===== EXCERPTED DATA =====

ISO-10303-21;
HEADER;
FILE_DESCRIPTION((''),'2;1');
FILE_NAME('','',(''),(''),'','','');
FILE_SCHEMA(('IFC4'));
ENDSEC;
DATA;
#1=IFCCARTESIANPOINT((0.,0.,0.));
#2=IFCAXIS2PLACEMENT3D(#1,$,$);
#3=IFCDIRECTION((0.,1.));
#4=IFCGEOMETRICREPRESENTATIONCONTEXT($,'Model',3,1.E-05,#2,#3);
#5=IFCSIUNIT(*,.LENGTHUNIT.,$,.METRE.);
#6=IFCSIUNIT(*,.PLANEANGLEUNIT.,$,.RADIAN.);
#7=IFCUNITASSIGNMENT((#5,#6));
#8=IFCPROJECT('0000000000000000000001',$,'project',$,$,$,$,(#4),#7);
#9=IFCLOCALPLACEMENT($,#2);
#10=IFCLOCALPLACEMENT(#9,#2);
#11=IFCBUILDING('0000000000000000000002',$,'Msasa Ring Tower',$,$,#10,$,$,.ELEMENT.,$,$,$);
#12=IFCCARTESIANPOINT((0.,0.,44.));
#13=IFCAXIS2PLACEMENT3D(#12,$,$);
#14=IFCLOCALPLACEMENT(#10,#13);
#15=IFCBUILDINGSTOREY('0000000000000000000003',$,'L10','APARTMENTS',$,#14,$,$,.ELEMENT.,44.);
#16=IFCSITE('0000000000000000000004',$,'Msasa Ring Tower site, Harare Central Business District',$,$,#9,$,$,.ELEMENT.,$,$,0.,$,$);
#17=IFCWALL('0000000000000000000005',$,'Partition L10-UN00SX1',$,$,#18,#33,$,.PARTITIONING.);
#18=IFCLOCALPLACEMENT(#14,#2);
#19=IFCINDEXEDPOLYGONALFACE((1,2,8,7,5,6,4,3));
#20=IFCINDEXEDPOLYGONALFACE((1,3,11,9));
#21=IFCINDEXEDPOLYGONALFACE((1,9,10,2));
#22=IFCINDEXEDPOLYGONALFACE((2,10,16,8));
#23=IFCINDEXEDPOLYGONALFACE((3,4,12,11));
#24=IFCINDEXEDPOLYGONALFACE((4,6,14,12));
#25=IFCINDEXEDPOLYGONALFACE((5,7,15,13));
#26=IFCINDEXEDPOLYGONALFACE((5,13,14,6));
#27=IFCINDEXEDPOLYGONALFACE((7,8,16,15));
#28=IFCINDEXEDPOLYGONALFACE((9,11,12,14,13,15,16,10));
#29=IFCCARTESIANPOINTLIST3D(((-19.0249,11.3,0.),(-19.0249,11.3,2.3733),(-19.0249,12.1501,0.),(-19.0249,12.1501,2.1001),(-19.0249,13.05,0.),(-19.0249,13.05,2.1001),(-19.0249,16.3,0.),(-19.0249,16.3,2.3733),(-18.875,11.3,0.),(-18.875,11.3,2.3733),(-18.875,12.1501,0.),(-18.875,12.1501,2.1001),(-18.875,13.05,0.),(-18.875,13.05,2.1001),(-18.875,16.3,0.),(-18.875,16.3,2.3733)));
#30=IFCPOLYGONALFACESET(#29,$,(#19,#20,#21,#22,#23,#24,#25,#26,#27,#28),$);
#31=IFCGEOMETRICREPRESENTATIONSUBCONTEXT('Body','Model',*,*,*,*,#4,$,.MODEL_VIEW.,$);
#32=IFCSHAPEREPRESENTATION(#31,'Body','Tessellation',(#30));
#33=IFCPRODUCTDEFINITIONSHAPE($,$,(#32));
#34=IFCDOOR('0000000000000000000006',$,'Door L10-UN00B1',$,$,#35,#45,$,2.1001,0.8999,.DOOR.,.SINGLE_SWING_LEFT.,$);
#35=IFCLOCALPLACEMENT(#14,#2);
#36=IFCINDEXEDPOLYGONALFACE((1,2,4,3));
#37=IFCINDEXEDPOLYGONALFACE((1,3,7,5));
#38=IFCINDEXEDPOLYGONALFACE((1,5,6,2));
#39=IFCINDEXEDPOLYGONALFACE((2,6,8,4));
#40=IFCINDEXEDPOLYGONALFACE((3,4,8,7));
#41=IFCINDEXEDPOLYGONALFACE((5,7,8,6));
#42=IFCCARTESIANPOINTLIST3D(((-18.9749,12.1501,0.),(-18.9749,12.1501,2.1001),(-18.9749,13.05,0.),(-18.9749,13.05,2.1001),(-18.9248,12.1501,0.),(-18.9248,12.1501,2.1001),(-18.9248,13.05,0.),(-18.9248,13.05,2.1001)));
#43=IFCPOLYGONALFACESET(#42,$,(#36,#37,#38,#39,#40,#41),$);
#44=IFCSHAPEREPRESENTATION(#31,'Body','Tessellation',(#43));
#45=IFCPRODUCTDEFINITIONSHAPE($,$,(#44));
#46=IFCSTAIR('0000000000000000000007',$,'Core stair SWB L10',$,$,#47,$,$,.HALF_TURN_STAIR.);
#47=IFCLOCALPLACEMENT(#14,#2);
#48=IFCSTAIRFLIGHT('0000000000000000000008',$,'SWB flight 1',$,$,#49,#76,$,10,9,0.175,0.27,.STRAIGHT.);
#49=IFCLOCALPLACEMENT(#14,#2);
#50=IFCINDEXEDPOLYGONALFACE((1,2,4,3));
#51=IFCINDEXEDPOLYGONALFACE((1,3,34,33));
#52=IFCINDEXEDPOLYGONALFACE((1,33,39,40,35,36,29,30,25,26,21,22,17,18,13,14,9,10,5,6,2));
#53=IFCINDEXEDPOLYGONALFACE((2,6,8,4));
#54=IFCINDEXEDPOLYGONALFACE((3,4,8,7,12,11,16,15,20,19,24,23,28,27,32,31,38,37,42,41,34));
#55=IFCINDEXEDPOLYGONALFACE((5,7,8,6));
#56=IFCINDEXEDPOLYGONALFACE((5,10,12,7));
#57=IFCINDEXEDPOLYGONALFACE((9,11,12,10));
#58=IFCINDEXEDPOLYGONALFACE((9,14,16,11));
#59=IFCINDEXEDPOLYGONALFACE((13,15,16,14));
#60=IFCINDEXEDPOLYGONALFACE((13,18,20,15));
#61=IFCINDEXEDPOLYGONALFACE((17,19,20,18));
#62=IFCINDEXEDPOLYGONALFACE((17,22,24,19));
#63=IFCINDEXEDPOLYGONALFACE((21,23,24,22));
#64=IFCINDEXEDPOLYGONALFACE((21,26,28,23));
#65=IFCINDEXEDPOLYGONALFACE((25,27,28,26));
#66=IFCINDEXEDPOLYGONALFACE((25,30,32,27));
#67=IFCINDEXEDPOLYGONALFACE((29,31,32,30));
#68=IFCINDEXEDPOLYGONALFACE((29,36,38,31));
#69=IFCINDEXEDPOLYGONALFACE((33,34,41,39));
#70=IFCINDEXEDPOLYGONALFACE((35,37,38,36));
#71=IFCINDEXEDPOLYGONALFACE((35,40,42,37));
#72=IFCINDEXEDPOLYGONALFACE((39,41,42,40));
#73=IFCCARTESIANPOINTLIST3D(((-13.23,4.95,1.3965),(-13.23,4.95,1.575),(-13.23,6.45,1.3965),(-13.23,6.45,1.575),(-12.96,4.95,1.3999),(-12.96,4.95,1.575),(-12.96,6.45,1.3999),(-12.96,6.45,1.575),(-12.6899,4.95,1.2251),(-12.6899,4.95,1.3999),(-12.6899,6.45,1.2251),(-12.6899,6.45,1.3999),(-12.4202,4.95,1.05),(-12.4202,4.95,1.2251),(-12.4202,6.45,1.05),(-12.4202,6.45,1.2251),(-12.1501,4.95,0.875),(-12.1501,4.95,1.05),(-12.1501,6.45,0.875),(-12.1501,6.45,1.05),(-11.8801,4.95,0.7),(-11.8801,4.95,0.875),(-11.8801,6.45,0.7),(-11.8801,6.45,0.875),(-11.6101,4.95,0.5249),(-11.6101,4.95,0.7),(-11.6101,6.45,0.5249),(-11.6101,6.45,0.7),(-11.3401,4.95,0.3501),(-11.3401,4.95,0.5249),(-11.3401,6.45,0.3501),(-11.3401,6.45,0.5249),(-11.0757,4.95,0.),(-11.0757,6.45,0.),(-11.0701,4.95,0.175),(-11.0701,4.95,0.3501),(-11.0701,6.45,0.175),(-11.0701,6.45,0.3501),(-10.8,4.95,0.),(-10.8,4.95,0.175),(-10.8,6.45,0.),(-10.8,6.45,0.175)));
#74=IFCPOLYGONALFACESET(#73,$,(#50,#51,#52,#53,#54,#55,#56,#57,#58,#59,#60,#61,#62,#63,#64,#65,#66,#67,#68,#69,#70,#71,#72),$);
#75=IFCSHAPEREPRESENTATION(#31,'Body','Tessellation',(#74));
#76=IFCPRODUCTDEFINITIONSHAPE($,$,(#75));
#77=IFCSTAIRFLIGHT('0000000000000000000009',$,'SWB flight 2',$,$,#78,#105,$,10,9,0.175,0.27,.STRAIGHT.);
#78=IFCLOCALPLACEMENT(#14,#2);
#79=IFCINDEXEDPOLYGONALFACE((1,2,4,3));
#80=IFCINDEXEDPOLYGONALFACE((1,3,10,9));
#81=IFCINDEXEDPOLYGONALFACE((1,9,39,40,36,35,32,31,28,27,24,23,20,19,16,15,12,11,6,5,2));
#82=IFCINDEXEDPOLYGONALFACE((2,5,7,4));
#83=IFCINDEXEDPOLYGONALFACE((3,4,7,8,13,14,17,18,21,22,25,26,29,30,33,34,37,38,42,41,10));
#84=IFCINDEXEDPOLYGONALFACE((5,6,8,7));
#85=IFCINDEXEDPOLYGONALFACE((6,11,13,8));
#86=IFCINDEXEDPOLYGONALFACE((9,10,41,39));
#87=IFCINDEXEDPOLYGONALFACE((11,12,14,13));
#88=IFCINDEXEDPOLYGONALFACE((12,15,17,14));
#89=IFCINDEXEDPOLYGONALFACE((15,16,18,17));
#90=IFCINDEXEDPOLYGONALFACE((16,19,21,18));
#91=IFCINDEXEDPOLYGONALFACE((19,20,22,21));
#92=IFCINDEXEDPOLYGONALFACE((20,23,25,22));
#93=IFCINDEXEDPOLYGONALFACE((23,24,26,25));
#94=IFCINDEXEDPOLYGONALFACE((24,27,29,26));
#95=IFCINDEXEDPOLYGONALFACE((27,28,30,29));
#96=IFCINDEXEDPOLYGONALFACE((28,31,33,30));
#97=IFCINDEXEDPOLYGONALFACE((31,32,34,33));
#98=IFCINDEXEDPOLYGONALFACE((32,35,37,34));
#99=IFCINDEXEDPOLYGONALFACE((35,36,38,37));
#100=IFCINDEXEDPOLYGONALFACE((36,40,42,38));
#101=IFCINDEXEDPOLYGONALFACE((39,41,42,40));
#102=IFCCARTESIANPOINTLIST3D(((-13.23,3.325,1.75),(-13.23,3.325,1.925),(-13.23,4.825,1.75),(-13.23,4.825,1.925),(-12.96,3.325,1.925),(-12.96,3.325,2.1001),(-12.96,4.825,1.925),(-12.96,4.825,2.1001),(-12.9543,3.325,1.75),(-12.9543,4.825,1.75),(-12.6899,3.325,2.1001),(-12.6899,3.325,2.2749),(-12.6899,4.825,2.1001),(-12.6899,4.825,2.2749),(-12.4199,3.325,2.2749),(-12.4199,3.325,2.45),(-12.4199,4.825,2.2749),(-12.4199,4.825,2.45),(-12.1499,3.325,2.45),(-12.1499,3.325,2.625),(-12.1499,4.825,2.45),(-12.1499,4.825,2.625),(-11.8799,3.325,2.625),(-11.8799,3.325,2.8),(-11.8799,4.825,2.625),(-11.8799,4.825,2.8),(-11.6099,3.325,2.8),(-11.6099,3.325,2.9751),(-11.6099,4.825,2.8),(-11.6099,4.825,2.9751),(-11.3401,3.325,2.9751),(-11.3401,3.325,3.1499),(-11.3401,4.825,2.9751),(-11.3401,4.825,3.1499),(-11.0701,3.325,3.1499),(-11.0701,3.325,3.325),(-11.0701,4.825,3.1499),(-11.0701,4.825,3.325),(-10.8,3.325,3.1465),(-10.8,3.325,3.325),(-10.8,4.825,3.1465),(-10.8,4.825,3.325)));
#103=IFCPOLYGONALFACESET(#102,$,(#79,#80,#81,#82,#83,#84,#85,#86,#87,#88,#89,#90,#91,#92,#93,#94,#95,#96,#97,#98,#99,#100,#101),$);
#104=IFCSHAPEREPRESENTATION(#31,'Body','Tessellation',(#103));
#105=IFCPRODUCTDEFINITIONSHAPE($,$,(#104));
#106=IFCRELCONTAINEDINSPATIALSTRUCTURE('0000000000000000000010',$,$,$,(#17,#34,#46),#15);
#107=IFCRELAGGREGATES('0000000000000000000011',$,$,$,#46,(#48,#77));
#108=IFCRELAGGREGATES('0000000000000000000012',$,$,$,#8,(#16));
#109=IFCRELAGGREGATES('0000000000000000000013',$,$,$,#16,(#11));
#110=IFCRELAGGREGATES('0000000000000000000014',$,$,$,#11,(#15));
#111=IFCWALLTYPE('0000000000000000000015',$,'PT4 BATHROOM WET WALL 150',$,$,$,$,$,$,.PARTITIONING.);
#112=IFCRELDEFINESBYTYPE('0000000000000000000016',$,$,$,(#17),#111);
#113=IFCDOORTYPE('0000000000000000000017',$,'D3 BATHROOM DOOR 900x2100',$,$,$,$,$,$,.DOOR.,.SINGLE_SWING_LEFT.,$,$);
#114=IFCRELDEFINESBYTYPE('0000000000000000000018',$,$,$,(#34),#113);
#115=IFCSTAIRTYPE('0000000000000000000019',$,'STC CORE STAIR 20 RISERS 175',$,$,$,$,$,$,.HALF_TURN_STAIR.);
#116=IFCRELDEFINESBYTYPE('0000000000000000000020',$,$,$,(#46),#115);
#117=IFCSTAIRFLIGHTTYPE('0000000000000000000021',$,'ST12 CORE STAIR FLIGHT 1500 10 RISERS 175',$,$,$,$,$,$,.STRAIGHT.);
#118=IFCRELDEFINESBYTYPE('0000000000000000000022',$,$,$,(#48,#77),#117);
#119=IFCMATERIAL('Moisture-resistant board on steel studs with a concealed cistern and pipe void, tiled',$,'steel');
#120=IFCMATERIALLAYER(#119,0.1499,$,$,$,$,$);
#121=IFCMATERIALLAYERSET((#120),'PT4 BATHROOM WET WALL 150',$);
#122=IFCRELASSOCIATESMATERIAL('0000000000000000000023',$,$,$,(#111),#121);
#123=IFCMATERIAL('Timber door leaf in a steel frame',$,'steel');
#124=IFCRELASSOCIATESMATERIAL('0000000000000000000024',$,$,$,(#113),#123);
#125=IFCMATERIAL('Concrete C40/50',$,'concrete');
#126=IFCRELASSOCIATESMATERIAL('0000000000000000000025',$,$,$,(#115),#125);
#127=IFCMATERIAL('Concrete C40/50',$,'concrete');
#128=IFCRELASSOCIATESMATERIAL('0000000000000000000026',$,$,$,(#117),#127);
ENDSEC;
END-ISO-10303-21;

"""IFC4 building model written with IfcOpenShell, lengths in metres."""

from ifc_helpers import new_model, si_unit, direction, frame, frame_2d, origin, place, context, subcontext, project, spatial, polyline, rectangle, outline, extrude, material, layer, layer_set, type_object, element, fill, aggregate, save


model = new_model("IFC4")

# Units and contexts
model_context = context("Model", 3, precision=1e-05, world=origin(), true_north=direction((0.0, 1.0)))
body_context = subcontext(model_context, "Body", "Model", "MODEL_VIEW")
ifc_project = project(units=[si_unit("LENGTHUNIT", "METRE"), si_unit("PLANEANGLEUNIT", "RADIAN")], contexts=[model_context])

# Site, building, storey
site_placement = place(None, origin())
site = spatial("IfcSite", under=ifc_project, at=site_placement, Name="Msasa Ring Tower site, Harare Central Business District", CompositionType="ELEMENT", RefElevation=0.0)
building_placement = place(site_placement, origin())
building = spatial("IfcBuilding", under=site, at=building_placement, Name="Msasa Ring Tower", CompositionType="ELEMENT")
storey_placement = place(building_placement, frame((0.0, 0.0, 44.0)))
storey = spatial("IfcBuildingStorey", under=building, at=storey_placement, Name="L10", Description="APARTMENTS", CompositionType="ELEMENT", Elevation=44.0)

# Wall, opening, door
ifc_material_1 = material(Name="Moisture-resistant board on steel studs with a concealed cistern and pipe void, tiled", Category="steel")
ifc_layer_1 = layer(ifc_material_1, 0.1499)
ifc_layer_set_1 = layer_set([ifc_layer_1], Name="PT4 BATHROOM WET WALL 150")
wall_type_1 = type_object("IfcWallType", Name="PT4 BATHROOM WET WALL 150", PredefinedType="PARTITIONING", material=ifc_layer_set_1)
wall_1_placement = place(storey_placement, frame((-18.95, 11.3, 0.0), z_axis=(0.0, 0.0, 1.0), x_axis=(0.0, 1.0, 0.0)))
wall_1 = element("IfcWall", 1, at=wall_1_placement, inside=storey, type_object=wall_type_1, Name="Partition L10-UN00SX1", PredefinedType="PARTITIONING", context=body_context, shape_type="SweptSolid", body=[
    extrude(rectangle(XDim=5.0, YDim=0.1499, at=frame_2d((2.5, 0.0))), origin(), (0.0, 0.0, 1.0), 2.3733),
])
opening_1_placement = place(wall_1_placement, frame((0.8501, 0.0, 0.0)))
opening_1 = element("IfcOpeningElement", 2, at=opening_1_placement, cuts=wall_1, PredefinedType="OPENING", context=body_context, shape_type="SweptSolid", body=[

=====

All lines above from the one holding "#89=IFCINDEXEDPOLYGONALFACE((15,16,18,17));" to the one holding "#99=IFCINDEXEDPOLYGONALFACE((35,36,38,37));", inclusive, are to be copied exactly; no other line is wanted.

#89=IFCINDEXEDPOLYGONALFACE((15,16,18,17));
#90=IFCINDEXEDPOLYGONALFACE((16,19,21,18));
#91=IFCINDEXEDPOLYGONALFACE((19,20,22,21));
#92=IFCINDEXEDPOLYGONALFACE((20,23,25,22));
#93=IFCINDEXEDPOLYGONALFACE((23,24,26,25));
#94=IFCINDEXEDPOLYGONALFACE((24,27,29,26));
#95=IFCINDEXEDPOLYGONALFACE((27,28,30,29));
#96=IFCINDEXEDPOLYGONALFACE((28,31,33,30));
#97=IFCINDEXEDPOLYGONALFACE((31,32,34,33));
#98=IFCINDEXEDPOLYGONALFACE((32,35,37,34));
#99=IFCINDEXEDPOLYGONALFACE((35,36,38,37));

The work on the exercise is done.